▸ PROBLEM:
Below are the records; give again exactly the line with "#37=IFCINDEXEDPOLYGONALFACE((1,3,7,5));", the line with "#53=IFCINDEXEDPOLYGONALFACE((3,11,13,5));", and each line that lies between them, and nothing besides.
▽
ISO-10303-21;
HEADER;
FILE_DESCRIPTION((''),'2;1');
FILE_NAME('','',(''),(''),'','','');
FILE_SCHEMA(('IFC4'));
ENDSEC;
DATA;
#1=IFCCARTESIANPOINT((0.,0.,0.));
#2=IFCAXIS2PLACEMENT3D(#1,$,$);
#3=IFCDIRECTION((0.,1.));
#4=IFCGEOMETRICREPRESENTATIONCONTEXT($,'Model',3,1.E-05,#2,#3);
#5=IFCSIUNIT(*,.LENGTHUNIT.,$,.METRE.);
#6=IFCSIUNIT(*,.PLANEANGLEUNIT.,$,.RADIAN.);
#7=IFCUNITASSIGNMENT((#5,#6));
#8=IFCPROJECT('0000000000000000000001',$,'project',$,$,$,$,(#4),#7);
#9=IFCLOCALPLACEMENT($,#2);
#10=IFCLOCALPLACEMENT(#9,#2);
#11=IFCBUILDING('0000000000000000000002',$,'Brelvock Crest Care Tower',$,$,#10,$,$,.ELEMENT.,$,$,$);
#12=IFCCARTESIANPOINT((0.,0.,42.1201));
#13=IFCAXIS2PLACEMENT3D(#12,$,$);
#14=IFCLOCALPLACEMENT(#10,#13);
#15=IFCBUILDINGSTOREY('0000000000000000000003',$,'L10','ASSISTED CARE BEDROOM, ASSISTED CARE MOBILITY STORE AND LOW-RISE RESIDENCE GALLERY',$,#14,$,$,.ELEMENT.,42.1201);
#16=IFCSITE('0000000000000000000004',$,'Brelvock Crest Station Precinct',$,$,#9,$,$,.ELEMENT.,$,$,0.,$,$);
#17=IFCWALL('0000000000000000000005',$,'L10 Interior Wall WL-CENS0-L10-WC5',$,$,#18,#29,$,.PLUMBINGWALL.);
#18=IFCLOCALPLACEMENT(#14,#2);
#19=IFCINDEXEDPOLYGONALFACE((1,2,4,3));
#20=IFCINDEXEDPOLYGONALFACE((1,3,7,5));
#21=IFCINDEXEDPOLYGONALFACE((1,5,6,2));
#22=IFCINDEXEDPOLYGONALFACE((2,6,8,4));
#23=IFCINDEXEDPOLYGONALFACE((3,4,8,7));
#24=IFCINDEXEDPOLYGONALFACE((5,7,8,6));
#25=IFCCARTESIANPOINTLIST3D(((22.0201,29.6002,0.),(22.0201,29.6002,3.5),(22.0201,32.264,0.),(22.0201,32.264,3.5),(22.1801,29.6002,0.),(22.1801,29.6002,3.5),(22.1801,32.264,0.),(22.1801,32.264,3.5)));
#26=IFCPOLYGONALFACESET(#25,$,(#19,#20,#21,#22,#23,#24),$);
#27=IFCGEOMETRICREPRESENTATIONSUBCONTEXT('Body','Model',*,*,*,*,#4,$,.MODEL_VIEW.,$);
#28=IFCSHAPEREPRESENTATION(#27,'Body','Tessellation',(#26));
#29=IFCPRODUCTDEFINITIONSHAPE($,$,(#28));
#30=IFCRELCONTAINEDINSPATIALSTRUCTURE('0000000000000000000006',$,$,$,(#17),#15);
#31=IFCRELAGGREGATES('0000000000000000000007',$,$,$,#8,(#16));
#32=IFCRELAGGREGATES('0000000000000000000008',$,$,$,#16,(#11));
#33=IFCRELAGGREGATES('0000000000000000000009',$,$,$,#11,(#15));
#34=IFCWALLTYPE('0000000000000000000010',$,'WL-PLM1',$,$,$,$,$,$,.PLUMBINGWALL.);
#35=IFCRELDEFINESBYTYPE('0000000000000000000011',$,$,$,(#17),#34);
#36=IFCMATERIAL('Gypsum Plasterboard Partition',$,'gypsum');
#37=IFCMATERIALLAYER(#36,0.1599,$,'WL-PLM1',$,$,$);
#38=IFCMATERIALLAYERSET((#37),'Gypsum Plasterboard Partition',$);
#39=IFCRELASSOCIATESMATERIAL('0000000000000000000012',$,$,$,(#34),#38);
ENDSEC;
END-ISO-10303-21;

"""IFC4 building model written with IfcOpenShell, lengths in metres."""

from ifc_helpers import new_model, si_unit, direction, frame, frame_2d, origin, place, context, subcontext, project, spatial, rectangle, extrude, material, layer, layer_set, type_object, element, save


model = new_model("IFC4")

# Units and contexts
model_context = context("Model", 3, precision=1e-05, world=origin(), true_north=direction((0.0, 1.0)))
body_context = subcontext(model_context, "Body", "Model", "MODEL_VIEW")
ifc_project = project(units=[si_unit("LENGTHUNIT", "METRE"), si_unit("PLANEANGLEUNIT", "RADIAN")], contexts=[model_context])

# Site, building, storey
site_placement = place(None, origin())
site = spatial("IfcSite", under=ifc_project, at=site_placement, Name="Brelvock Crest Station Precinct", CompositionType="ELEMENT", RefElevation=0.0)
building_placement = place(site_placement, origin())
building = spatial("IfcBuilding", under=site, at=building_placement, Name="Brelvock Crest Care Tower", CompositionType="ELEMENT")
storey_placement = place(building_placement, frame((0.0, 0.0, 42.1201)))
storey = spatial("IfcBuildingStorey", under=building, at=storey_placement, Name="L10", Description="ASSISTED CARE BEDROOM, ASSISTED CARE MOBILITY STORE AND LOW-RISE RESIDENCE GALLERY", CompositionType="ELEMENT", Elevation=42.1201)

# Wall
ifc_material_1 = material(Name="Gypsum Plasterboard Partition", Category="gypsum")
ifc_layer_1 = layer(ifc_material_1, 0.1599, Name="WL-PLM1")
ifc_layer_set_1 = layer_set([ifc_layer_1], Name="Gypsum Plasterboard Partition")
wall_type_1 = type_object("IfcWallType", Name="WL-PLM1", PredefinedType="PLUMBINGWALL", material=ifc_layer_set_1)
wall_1_placement = place(storey_placement, frame((22.1001, 29.6001, 0.0), z_axis=(0.0, 0.0, 1.0), x_axis=(0.0, 1.0, 0.0)))
element("IfcWall", 1, at=wall_1_placement, inside=storey, type_object=wall_type_1, Name="L10 Interior Wall WL-CENS0-L10-WC5", PredefinedType="PLUMBINGWALL", context=body_context, shape_type="SweptSolid", body=[
    extrude(rectangle(XDim=2.6638, YDim=0.1599, at=frame_2d((1.332, 0.0))), origin(), (0.0, 0.0, 1.0), 3.5),
])

save(model, "model.ifc")
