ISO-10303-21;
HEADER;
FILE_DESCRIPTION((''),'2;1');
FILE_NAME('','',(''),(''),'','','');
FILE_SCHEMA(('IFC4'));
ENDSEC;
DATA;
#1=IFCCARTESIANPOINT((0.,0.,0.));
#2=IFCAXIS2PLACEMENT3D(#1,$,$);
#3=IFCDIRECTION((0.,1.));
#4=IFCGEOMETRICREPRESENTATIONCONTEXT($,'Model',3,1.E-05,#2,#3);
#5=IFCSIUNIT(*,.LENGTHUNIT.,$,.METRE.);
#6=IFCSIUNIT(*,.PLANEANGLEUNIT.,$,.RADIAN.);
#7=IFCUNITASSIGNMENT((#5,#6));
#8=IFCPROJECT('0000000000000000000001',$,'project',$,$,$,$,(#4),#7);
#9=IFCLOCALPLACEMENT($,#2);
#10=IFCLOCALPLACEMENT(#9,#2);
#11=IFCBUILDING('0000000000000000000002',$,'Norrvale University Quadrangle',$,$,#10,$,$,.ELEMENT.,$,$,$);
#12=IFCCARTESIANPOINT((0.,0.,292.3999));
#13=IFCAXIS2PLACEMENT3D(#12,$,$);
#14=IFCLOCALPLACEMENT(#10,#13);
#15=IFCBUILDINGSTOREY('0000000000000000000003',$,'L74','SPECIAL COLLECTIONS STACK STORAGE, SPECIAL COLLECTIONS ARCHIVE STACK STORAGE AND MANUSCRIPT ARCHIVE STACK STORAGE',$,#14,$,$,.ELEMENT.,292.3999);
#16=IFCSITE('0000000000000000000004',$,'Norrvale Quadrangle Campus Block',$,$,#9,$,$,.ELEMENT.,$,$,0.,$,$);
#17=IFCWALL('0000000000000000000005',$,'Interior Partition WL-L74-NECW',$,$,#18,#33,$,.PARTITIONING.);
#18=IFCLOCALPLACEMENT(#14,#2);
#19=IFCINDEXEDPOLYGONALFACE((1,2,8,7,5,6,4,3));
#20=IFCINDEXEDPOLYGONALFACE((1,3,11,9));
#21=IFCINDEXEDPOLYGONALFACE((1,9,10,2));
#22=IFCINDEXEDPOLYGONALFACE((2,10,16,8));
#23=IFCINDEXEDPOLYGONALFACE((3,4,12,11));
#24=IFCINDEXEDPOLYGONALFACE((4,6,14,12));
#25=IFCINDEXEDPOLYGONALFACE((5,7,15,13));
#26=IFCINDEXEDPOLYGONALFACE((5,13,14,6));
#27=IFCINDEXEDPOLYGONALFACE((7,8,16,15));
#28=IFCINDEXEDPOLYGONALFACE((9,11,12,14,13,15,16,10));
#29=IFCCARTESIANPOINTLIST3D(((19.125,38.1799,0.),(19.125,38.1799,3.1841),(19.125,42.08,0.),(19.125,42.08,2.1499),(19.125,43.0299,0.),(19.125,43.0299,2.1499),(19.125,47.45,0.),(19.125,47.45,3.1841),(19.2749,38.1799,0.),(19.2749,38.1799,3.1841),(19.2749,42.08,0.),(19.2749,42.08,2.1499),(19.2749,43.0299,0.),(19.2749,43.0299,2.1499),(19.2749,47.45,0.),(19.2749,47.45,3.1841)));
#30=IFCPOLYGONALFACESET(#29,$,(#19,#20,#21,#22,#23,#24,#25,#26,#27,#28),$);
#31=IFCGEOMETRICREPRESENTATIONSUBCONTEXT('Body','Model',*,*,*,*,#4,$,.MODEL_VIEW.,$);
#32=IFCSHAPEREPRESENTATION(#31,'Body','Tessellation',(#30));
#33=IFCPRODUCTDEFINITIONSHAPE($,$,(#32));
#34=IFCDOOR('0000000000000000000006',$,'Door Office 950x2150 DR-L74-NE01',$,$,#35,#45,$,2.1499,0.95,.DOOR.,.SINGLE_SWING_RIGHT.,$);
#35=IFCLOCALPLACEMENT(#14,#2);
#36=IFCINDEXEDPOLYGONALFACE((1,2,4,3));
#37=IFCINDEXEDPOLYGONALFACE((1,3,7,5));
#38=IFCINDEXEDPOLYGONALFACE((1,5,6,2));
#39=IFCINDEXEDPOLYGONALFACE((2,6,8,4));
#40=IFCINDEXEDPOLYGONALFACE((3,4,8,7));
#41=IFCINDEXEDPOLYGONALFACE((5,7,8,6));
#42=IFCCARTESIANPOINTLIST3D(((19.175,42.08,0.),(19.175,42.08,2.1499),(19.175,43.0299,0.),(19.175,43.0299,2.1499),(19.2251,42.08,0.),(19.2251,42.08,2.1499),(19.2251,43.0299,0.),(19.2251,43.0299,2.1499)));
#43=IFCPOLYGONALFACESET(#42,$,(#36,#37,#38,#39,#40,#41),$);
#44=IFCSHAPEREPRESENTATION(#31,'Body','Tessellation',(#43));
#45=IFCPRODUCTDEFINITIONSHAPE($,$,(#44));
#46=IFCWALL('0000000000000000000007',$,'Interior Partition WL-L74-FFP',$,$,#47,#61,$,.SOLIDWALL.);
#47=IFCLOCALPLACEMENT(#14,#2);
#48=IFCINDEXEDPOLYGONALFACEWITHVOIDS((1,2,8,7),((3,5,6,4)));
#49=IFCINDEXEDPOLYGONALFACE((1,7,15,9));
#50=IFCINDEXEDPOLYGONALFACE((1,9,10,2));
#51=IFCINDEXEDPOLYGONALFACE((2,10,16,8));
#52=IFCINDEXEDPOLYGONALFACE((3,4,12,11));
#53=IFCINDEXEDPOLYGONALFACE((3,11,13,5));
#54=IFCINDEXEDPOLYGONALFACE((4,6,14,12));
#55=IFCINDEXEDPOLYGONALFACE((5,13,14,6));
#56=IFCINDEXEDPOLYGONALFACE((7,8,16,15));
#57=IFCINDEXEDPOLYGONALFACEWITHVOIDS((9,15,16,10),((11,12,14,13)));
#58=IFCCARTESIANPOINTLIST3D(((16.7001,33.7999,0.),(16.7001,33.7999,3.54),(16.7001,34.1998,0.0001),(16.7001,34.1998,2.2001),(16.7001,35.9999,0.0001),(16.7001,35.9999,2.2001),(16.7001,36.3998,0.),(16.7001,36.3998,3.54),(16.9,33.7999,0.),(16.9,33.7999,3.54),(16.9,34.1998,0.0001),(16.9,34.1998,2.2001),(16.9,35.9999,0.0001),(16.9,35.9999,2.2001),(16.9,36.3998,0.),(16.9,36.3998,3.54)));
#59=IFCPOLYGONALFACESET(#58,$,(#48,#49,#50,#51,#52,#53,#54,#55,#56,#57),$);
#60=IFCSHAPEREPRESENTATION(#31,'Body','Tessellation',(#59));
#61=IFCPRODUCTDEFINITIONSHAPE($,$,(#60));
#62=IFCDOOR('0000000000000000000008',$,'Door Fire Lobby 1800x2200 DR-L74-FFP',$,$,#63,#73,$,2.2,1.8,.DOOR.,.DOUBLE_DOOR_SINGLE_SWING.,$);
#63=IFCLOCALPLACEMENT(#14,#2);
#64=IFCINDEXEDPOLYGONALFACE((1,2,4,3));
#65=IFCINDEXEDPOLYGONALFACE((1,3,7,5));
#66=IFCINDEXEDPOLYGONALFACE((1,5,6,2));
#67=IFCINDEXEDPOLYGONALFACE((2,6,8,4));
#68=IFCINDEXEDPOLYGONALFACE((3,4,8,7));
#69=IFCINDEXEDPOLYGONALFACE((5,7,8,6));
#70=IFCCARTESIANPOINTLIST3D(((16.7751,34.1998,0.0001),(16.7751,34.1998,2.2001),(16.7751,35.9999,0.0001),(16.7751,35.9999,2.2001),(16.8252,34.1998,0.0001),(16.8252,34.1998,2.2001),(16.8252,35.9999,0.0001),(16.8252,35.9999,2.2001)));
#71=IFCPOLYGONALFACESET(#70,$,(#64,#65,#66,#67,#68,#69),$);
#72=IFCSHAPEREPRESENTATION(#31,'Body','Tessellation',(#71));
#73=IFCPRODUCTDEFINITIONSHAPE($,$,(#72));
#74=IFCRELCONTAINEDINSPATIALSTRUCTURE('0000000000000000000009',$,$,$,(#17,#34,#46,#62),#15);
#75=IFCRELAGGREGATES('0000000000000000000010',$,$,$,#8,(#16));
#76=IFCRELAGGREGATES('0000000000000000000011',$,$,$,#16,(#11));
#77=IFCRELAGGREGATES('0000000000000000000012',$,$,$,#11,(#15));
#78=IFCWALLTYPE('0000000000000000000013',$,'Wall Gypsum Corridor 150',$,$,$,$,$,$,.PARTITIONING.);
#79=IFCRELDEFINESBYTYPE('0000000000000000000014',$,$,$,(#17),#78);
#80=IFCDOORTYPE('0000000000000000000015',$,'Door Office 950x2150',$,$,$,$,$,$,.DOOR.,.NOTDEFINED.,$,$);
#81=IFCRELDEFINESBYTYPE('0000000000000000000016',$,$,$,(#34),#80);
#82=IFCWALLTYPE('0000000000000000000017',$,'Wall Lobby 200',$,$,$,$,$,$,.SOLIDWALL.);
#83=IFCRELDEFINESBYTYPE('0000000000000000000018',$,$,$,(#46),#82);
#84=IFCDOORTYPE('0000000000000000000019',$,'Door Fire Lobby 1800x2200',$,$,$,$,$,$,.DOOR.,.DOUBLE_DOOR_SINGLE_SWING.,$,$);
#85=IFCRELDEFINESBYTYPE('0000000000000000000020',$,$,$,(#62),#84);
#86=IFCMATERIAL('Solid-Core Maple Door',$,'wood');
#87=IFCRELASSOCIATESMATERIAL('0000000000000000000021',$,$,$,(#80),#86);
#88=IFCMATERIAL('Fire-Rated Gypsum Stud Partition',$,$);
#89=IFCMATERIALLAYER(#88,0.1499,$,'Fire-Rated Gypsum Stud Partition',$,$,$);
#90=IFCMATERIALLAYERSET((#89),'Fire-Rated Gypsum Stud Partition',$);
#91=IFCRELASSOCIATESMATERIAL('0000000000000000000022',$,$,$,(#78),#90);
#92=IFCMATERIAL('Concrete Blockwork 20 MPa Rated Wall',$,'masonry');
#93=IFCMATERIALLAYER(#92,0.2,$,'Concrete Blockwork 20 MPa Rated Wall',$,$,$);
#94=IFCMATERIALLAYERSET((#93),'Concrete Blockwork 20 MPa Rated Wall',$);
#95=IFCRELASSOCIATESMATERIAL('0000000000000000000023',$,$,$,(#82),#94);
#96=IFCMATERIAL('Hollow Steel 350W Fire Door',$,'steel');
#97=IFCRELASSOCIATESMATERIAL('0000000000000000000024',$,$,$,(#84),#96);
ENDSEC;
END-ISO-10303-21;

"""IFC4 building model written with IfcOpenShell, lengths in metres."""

from ifc_helpers import new_model, si_unit, direction, frame, frame_2d, origin, place, context, subcontext, project, spatial, rectangle, extrude, material, layer, layer_set, type_object, element, fill, save


model = new_model("IFC4")

# Units and contexts
model_context = context("Model", 3, precision=1e-05, world=origin(), true_north=direction((0.0, 1.0)))
body_context = subcontext(model_context, "Body", "Model", "MODEL_VIEW")
ifc_project = project(units=[si_unit("LENGTHUNIT", "METRE"), si_unit("PLANEANGLEUNIT", "RADIAN")], contexts=[model_context])

# Site, building, storey
site_placement = place(None, origin())
site = spatial("IfcSite", under=ifc_project, at=site_placement, Name="Norrvale Quadrangle Campus Block", CompositionType="ELEMENT", RefElevation=0.0)
building_placement = place(site_placement, origin())
building = spatial("IfcBuilding", under=site, at=building_placement, Name="Norrvale University Quadrangle", CompositionType="ELEMENT")
storey_placement = place(building_placement, frame((0.0, 0.0, 292.3999)))
storey = spatial("IfcBuildingStorey", under=building, at=storey_placement, Name="L74", Description="SPECIAL COLLECTIONS STACK STORAGE, SPECIAL COLLECTIONS ARCHIVE STACK STORAGE AND MANUSCRIPT ARCHIVE STACK STORAGE", CompositionType="ELEMENT", Elevation=292.3999)

# Shared definitions
ifc_material_1 = material(Name="Solid-Core Maple Door", Category="wood")
door_type_1 = type_object("IfcDoorType", Name="Door Office 950x2150", OperationType="NOTDEFINED", PredefinedType="DOOR", material=ifc_material_1)

# Shared definitions
ifc_material_2 = material(Name="Fire-Rated Gypsum Stud Partition")
ifc_layer_1 = layer(ifc_material_2, 0.1499, Name="Fire-Rated Gypsum Stud Partition")
ifc_layer_set_1 = layer_set([ifc_layer_1], Name="Fire-Rated Gypsum Stud Partition")
wall_type_1 = type_object("IfcWallType", Name="Wall Gypsum Corridor 150", PredefinedType="PARTITIONING", material=ifc_layer_set_1)

# Walls, openings, doors
wall_1_placement = place(storey_placement, frame((19.2, 38.1799, 0.0), z_axis=(0.0, 0.0, 1.0), x_axis=(0.0, 1.0, 0.0)))
wall_1 = element("IfcWall", 1, at=wall_1_placement, inside=storey, type_object=wall_type_1, Name="Interior Partition WL-L74-NECW", PredefinedType="PARTITIONING", context=body_context, shape_type="SweptSolid", body=[
    extrude(rectangle(XDim=9.27, YDim=0.1499, at=frame_2d((4.635, 0.0))), origin(), (0.0, 0.0, 1.0), 3.1841),
])
opening_1_placement = place(wall_1_placement, frame((3.8999, 0.0, 0.0)))
opening_1 = element("IfcOpeningElement", 2, at=opening_1_placement, cuts=wall_1, PredefinedType="OPENING", context=body_context, shape_type="SweptSolid", body=[
    extrude(rectangle(XDim=0.95, YDim=2.1499, at=frame_2d((0.4751, 1.075))), frame((0.0, 0.0869, 0.0), z_axis=(0.0, -1.0, 0.0), x_axis=(1.0, 0.0, 0.0)), (0.0, 0.0, 1.0), 0.1738),
])
door_1_placement = place(opening_1_placement, origin())
door_1 = element("IfcDoor", 3, at=door_1_placement, inside=storey, type_object=door_type_1, Name="Door Office 950x2150 DR-L74-NE01", OperationType="SINGLE_SWING_RIGHT", OverallHeight=2.1499, OverallWidth=0.95, PredefinedType="DOOR", context=body_context, shape_type="SweptSolid", body=[
    extrude(rectangle(XDim=0.95, YDim=2.1499, at=frame_2d((0.4751, 1.075))), frame((0.0, 0.0249, 0.0), z_axis=(0.0, -1.0, 0.0), x_axis=(1.0, 0.0, 0.0)), (0.0, 0.0, 1.0), 0.05),
])
fill(opening_1, door_1)
ifc_material_3 = material(Name="Concrete Blockwork 20 MPa Rated Wall", Category="masonry")
ifc_layer_2 = layer(ifc_material_3, 0.2, Name="Concrete Blockwork 20 MPa Rated Wall")
ifc_layer_set_2 = layer_set([ifc_layer_2], Name="Concrete Blockwork 20 MPa Rated Wall")
wall_type_2 = type_object("IfcWallType", Name="Wall Lobby 200", PredefinedType="SOLIDWALL", material=ifc_layer_set_2)
wall_2_placement = place(storey_placement, frame((16.8, 33.8, 0.0), z_axis=(0.0, 0.0, 1.0), x_axis=(0.0, 1.0, 0.0)))
wall_2 = element("IfcWall", 4, at=wall_2_placement, inside=storey, type_object=wall_type_2, Name="Interior Partition WL-L74-FFP", PredefinedType="SOLIDWALL", context=body_context, shape_type="SweptSolid", body=[
    extrude(rectangle(XDim=2.5999, YDim=0.2, at=frame_2d((1.2998, 0.0))), origin(), (0.0, 0.0, 1.0), 3.54),
])
opening_2_placement = place(wall_2_placement, frame((0.3999, 0.0, 0.0)))
opening_2 = element("IfcOpeningElement", 5, at=opening_2_placement, cuts=wall_2, PredefinedType="OPENING", context=body_context, shape_type="SweptSolid", body=[
    extrude(rectangle(XDim=1.8, YDim=2.2, at=frame_2d((0.8999, 1.1001))), frame((0.0, 0.1121, 0.0), z_axis=(0.0, -1.0, 0.0), x_axis=(1.0, 0.0, 0.0)), (0.0, 0.0, 1.0), 0.2239),
])
ifc_material_4 = material(Name="Hollow Steel 350W Fire Door", Category="steel")
door_type_2 = type_object("IfcDoorType", Name="Door Fire Lobby 1800x2200", OperationType="DOUBLE_DOOR_SINGLE_SWING", PredefinedType="DOOR", material=ifc_material_4)
door_2_placement = place(opening_2_placement, origin())
door_2 = element("IfcDoor", 6, at=door_2_placement, inside=storey, type_object=door_type_2, Name="Door Fire Lobby 1800x2200 DR-L74-FFP", OperationType="DOUBLE_DOOR_SINGLE_SWING", OverallHeight=2.2, OverallWidth=1.8, PredefinedType="DOOR", context=body_context, shape_type="SweptSolid", body=[
    extrude(rectangle(XDim=1.8, YDim=2.2, at=frame_2d((0.8999, 1.1001))), frame((0.0, 0.0249, 0.0), z_axis=(0.0, -1.0, 0.0), x_axis=(1.0, 0.0, 0.0)), (0.0, 0.0, 1.0), 0.05),
])
fill(opening_2, door_2)

save(model, "model.ifc")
△
▸ EXERCISE ANSWER:
#37=IFCINDEXEDPOLYGONALFACE((1,3,7,5));
#38=IFCINDEXEDPOLYGONALFACE((1,5,6,2));
#39=IFCINDEXEDPOLYGONALFACE((2,6,8,4));
#40=IFCINDEXEDPOLYGONALFACE((3,4,8,7));
#41=IFCINDEXEDPOLYGONALFACE((5,7,8,6));
#42=IFCCARTESIANPOINTLIST3D(((19.175,42.08,0.),(19.175,42.08,2.1499),(19.175,43.0299,0.),(19.175,43.0299,2.1499),(19.2251,42.08,0.),(19.2251,42.08,2.1499),(19.2251,43.0299,0.),(19.2251,43.0299,2.1499)));
#43=IFCPOLYGONALFACESET(#42,$,(#36,#37,#38,#39,#40,#41),$);
#44=IFCSHAPEREPRESENTATION(#31,'Body','Tessellation',(#43));
#45=IFCPRODUCTDEFINITIONSHAPE($,$,(#44));
#46=IFCWALL('0000000000000000000007',$,'Interior Partition WL-L74-FFP',$,$,#47,#61,$,.SOLIDWALL.);
#47=IFCLOCALPLACEMENT(#14,#2);
#48=IFCINDEXEDPOLYGONALFACEWITHVOIDS((1,2,8,7),((3,5,6,4)));
#49=IFCINDEXEDPOLYGONALFACE((1,7,15,9));
#50=IFCINDEXEDPOLYGONALFACE((1,9,10,2));
#51=IFCINDEXEDPOLYGONALFACE((2,10,16,8));
#52=IFCINDEXEDPOLYGONALFACE((3,4,12,11));
#53=IFCINDEXEDPOLYGONALFACE((3,11,13,5));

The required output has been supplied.